**Entries shown**
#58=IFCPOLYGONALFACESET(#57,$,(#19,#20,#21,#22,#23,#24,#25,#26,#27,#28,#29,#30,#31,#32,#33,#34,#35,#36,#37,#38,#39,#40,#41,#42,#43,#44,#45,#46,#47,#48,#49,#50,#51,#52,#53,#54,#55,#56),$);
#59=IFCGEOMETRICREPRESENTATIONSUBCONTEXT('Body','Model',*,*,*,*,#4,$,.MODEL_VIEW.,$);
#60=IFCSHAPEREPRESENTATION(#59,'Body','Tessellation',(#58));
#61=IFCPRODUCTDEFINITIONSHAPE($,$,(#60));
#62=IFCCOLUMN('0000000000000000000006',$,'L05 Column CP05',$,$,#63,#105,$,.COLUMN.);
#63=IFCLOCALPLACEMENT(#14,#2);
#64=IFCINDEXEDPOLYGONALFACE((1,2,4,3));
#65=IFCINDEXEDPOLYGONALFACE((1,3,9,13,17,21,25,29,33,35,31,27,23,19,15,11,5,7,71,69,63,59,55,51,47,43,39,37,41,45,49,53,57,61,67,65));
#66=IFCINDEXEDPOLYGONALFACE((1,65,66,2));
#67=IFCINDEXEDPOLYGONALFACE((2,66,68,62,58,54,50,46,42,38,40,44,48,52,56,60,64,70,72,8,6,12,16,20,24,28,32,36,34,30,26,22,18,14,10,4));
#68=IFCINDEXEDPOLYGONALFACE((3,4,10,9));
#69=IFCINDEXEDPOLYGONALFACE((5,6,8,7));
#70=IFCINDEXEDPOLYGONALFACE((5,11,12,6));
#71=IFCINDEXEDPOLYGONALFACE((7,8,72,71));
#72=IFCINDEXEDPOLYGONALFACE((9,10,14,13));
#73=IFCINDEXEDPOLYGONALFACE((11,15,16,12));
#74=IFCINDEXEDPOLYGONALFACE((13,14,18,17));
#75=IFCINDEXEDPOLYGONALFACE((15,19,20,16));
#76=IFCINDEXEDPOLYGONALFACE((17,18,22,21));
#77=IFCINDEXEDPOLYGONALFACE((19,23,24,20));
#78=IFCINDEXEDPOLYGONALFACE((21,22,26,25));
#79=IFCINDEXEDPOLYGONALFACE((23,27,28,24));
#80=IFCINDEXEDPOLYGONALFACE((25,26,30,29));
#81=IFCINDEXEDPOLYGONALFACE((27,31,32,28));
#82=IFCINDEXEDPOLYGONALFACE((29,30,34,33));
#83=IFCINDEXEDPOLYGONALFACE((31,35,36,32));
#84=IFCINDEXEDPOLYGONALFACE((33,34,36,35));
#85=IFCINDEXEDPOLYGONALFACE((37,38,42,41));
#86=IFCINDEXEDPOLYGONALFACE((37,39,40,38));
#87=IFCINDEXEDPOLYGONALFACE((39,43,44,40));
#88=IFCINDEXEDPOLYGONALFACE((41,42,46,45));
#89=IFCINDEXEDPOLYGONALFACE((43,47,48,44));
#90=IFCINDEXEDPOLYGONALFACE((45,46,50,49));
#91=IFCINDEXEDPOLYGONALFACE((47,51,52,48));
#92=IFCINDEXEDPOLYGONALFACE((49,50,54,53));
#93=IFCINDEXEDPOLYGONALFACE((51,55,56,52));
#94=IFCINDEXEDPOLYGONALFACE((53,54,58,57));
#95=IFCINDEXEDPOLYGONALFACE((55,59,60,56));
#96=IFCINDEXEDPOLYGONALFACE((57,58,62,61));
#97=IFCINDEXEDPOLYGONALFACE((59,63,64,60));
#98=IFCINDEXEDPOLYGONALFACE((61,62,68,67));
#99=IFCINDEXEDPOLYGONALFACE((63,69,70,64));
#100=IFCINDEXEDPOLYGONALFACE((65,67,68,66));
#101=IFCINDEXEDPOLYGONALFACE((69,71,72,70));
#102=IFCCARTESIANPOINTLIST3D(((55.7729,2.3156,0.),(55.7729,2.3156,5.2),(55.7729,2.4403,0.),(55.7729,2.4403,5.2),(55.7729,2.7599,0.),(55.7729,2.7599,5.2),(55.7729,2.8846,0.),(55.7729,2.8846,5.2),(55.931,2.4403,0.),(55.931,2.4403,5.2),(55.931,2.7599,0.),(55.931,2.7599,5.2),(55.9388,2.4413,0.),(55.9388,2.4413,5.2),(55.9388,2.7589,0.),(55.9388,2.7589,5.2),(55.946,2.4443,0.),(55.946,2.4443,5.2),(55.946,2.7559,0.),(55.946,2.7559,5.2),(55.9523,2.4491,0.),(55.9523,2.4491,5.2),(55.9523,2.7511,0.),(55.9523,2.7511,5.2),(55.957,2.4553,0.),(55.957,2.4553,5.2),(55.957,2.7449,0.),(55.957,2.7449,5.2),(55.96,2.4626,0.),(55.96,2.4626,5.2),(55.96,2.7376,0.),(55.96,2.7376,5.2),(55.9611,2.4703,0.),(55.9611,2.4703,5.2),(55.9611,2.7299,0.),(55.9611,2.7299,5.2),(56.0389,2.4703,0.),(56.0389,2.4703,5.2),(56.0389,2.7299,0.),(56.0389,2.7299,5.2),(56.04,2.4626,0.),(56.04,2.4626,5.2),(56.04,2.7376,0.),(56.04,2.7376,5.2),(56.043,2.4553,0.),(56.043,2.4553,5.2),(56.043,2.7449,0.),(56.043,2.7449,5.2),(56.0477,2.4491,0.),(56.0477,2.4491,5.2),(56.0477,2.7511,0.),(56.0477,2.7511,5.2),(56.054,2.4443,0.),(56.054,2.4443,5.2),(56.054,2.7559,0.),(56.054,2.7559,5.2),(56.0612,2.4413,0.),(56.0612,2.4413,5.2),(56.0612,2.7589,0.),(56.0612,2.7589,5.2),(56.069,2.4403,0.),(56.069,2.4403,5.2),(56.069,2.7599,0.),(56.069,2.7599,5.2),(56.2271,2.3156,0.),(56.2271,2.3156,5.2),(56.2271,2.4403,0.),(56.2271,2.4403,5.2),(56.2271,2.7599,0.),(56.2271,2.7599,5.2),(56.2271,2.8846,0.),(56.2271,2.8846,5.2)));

**What you will do**
Could you transcribe the entries above word for word, from the line with "#63=IFCLOCALPLACEMENT(#14,#2);" down to the line with "#66=IFCINDEXEDPOLYGONALFACE((1,65,66,2));", keeping both?

**Expected output**
#63=IFCLOCALPLACEMENT(#14,#2);
#64=IFCINDEXEDPOLYGONALFACE((1,2,4,3));
#65=IFCINDEXEDPOLYGONALFACE((1,3,9,13,17,21,25,29,33,35,31,27,23,19,15,11,5,7,71,69,63,59,55,51,47,43,39,37,41,45,49,53,57,61,67,65));
#66=IFCINDEXEDPOLYGONALFACE((1,65,66,2));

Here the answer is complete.